▸ TASK PROMPT
Copy out only those lines running from the line with "#125=IFCINDEXEDPOLYGONALFACE((7,8,12,11));" to the end of the listing, keeping each one exactly as it is.

*** RECORDS SHOWN ***

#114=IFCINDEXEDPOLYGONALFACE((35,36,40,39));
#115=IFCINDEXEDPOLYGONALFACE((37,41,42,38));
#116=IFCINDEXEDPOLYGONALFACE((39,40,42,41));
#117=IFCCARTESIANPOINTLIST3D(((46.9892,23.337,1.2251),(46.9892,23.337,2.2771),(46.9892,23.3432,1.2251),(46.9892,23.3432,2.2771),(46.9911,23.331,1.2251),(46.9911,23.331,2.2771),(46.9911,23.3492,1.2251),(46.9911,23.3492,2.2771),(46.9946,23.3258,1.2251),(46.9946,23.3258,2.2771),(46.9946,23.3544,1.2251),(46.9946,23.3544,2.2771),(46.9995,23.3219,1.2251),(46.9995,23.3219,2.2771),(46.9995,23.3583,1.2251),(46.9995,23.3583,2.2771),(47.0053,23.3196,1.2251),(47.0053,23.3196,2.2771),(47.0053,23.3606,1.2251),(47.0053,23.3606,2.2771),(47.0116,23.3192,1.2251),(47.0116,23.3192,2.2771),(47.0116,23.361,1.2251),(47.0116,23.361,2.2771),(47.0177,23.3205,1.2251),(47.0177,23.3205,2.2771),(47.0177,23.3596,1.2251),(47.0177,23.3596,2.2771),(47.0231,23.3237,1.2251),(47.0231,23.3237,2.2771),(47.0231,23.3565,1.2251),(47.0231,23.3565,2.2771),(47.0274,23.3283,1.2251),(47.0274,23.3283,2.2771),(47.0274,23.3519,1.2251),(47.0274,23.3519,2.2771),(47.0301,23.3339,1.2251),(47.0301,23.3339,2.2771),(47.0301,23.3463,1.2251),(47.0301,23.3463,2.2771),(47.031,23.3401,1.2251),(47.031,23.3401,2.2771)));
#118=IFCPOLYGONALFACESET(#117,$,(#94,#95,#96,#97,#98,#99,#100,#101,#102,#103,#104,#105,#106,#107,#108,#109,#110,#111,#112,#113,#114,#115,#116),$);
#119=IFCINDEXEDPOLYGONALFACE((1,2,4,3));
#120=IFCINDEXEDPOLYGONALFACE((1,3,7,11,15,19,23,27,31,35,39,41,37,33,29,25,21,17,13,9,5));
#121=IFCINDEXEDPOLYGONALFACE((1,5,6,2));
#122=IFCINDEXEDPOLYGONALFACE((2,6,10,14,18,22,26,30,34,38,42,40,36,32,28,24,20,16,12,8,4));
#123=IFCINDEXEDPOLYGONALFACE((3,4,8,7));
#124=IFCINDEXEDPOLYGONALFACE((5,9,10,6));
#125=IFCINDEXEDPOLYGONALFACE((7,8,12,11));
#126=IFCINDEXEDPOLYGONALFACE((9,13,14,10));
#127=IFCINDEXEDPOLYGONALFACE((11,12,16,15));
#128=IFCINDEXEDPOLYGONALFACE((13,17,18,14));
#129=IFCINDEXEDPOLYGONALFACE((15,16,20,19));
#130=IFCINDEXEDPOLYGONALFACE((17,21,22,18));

*** End of RECORDS SHOWN ***

▸ EXERCISE ANSWER
#125=IFCINDEXEDPOLYGONALFACE((7,8,12,11));
#126=IFCINDEXEDPOLYGONALFACE((9,13,14,10));
#127=IFCINDEXEDPOLYGONALFACE((11,12,16,15));
#128=IFCINDEXEDPOLYGONALFACE((13,17,18,14));
#129=IFCINDEXEDPOLYGONALFACE((15,16,20,19));
#130=IFCINDEXEDPOLYGONALFACE((17,21,22,18));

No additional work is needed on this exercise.